++++ Records for processing ++++
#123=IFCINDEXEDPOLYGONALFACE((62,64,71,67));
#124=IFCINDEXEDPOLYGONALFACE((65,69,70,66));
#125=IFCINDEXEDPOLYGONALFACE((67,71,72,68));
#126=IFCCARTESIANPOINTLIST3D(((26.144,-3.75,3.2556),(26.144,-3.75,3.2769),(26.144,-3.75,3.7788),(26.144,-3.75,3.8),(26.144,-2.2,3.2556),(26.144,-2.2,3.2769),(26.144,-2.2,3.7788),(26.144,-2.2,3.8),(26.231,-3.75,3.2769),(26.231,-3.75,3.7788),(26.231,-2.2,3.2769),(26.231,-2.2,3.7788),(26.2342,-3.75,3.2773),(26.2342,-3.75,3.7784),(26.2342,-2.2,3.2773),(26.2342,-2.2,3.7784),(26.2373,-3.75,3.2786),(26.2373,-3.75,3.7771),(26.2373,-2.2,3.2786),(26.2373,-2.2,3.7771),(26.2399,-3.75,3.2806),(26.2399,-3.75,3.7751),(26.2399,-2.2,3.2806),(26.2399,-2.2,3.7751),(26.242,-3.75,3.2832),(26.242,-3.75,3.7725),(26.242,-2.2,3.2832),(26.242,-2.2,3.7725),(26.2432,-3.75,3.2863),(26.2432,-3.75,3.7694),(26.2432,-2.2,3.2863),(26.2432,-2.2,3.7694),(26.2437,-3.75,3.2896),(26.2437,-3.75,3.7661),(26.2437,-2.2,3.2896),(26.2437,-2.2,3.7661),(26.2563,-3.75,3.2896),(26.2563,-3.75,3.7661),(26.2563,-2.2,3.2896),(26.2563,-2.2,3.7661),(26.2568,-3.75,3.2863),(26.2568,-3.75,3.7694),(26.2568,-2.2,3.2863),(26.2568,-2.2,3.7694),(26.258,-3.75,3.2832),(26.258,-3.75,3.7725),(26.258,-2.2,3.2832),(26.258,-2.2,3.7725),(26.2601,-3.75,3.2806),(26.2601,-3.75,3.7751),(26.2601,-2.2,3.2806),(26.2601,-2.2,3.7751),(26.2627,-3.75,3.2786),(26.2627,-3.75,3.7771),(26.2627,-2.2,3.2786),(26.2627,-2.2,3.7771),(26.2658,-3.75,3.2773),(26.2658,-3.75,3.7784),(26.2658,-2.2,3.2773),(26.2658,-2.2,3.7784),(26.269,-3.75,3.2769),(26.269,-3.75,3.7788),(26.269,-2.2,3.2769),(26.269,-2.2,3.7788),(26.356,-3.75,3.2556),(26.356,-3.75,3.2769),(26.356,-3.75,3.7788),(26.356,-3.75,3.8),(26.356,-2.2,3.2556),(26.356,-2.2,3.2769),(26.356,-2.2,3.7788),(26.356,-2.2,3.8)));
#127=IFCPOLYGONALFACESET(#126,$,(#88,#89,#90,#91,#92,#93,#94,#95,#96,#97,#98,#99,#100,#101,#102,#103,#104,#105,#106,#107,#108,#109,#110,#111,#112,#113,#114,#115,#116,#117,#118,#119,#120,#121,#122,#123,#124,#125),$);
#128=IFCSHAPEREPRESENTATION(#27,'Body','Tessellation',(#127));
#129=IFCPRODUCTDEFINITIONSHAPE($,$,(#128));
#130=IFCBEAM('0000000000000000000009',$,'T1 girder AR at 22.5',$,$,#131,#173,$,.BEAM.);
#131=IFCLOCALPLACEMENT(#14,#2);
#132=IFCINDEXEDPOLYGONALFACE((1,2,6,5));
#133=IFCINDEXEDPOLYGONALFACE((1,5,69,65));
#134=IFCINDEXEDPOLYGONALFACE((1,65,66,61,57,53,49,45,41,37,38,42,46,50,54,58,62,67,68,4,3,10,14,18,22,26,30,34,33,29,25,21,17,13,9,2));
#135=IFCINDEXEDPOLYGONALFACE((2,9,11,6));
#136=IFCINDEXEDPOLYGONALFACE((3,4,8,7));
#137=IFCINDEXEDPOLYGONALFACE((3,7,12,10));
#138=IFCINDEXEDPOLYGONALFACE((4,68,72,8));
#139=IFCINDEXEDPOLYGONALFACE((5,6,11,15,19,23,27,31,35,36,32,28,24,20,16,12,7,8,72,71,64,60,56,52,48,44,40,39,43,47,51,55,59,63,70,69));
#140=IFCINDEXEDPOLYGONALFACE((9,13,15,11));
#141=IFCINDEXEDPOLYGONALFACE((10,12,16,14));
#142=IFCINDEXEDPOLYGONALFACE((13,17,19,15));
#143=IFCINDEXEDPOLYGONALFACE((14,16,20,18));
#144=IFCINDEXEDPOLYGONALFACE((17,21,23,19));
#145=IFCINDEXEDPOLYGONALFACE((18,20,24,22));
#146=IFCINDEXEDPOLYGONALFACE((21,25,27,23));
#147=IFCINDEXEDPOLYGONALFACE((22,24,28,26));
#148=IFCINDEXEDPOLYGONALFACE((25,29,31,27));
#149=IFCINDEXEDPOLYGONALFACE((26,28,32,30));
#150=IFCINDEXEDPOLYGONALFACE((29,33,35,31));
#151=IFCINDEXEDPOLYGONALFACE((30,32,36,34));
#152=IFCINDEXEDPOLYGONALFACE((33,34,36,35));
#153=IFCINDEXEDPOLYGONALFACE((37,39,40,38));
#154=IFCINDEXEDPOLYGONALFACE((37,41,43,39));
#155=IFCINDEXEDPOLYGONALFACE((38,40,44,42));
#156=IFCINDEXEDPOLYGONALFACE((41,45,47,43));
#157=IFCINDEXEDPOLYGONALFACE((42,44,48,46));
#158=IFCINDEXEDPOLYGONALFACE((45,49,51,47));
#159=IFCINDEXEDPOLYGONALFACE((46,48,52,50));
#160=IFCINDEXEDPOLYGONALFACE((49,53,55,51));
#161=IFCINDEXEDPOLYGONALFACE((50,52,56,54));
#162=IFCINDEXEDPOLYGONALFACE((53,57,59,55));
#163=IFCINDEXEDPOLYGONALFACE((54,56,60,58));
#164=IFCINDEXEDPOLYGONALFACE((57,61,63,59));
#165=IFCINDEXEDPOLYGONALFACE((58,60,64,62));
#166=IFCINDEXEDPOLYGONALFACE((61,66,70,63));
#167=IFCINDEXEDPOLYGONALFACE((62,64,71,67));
++++
• **What is expected**:
The answer should be an exact copy of the lines from the first line of the data through the line with "#132=IFCINDEXEDPOLYGONALFACE((1,2,6,5));" and should contain nothing else.

• **Task answer**:
#123=IFCINDEXEDPOLYGONALFACE((62,64,71,67));
#124=IFCINDEXEDPOLYGONALFACE((65,69,70,66));
#125=IFCINDEXEDPOLYGONALFACE((67,71,72,68));
#126=IFCCARTESIANPOINTLIST3D(((26.144,-3.75,3.2556),(26.144,-3.75,3.2769),(26.144,-3.75,3.7788),(26.144,-3.75,3.8),(26.144,-2.2,3.2556),(26.144,-2.2,3.2769),(26.144,-2.2,3.7788),(26.144,-2.2,3.8),(26.231,-3.75,3.2769),(26.231,-3.75,3.7788),(26.231,-2.2,3.2769),(26.231,-2.2,3.7788),(26.2342,-3.75,3.2773),(26.2342,-3.75,3.7784),(26.2342,-2.2,3.2773),(26.2342,-2.2,3.7784),(26.2373,-3.75,3.2786),(26.2373,-3.75,3.7771),(26.2373,-2.2,3.2786),(26.2373,-2.2,3.7771),(26.2399,-3.75,3.2806),(26.2399,-3.75,3.7751),(26.2399,-2.2,3.2806),(26.2399,-2.2,3.7751),(26.242,-3.75,3.2832),(26.242,-3.75,3.7725),(26.242,-2.2,3.2832),(26.242,-2.2,3.7725),(26.2432,-3.75,3.2863),(26.2432,-3.75,3.7694),(26.2432,-2.2,3.2863),(26.2432,-2.2,3.7694),(26.2437,-3.75,3.2896),(26.2437,-3.75,3.7661),(26.2437,-2.2,3.2896),(26.2437,-2.2,3.7661),(26.2563,-3.75,3.2896),(26.2563,-3.75,3.7661),(26.2563,-2.2,3.2896),(26.2563,-2.2,3.7661),(26.2568,-3.75,3.2863),(26.2568,-3.75,3.7694),(26.2568,-2.2,3.2863),(26.2568,-2.2,3.7694),(26.258,-3.75,3.2832),(26.258,-3.75,3.7725),(26.258,-2.2,3.2832),(26.258,-2.2,3.7725),(26.2601,-3.75,3.2806),(26.2601,-3.75,3.7751),(26.2601,-2.2,3.2806),(26.2601,-2.2,3.7751),(26.2627,-3.75,3.2786),(26.2627,-3.75,3.7771),(26.2627,-2.2,3.2786),(26.2627,-2.2,3.7771),(26.2658,-3.75,3.2773),(26.2658,-3.75,3.7784),(26.2658,-2.2,3.2773),(26.2658,-2.2,3.7784),(26.269,-3.75,3.2769),(26.269,-3.75,3.7788),(26.269,-2.2,3.2769),(26.269,-2.2,3.7788),(26.356,-3.75,3.2556),(26.356,-3.75,3.2769),(26.356,-3.75,3.7788),(26.356,-3.75,3.8),(26.356,-2.2,3.2556),(26.356,-2.2,3.2769),(26.356,-2.2,3.7788),(26.356,-2.2,3.8)));
#127=IFCPOLYGONALFACESET(#126,$,(#88,#89,#90,#91,#92,#93,#94,#95,#96,#97,#98,#99,#100,#101,#102,#103,#104,#105,#106,#107,#108,#109,#110,#111,#112,#113,#114,#115,#116,#117,#118,#119,#120,#121,#122,#123,#124,#125),$);
#128=IFCSHAPEREPRESENTATION(#27,'Body','Tessellation',(#127));
#129=IFCPRODUCTDEFINITIONSHAPE($,$,(#128));
#130=IFCBEAM('0000000000000000000009',$,'T1 girder AR at 22.5',$,$,#131,#173,$,.BEAM.);
#131=IFCLOCALPLACEMENT(#14,#2);
#132=IFCINDEXEDPOLYGONALFACE((1,2,6,5));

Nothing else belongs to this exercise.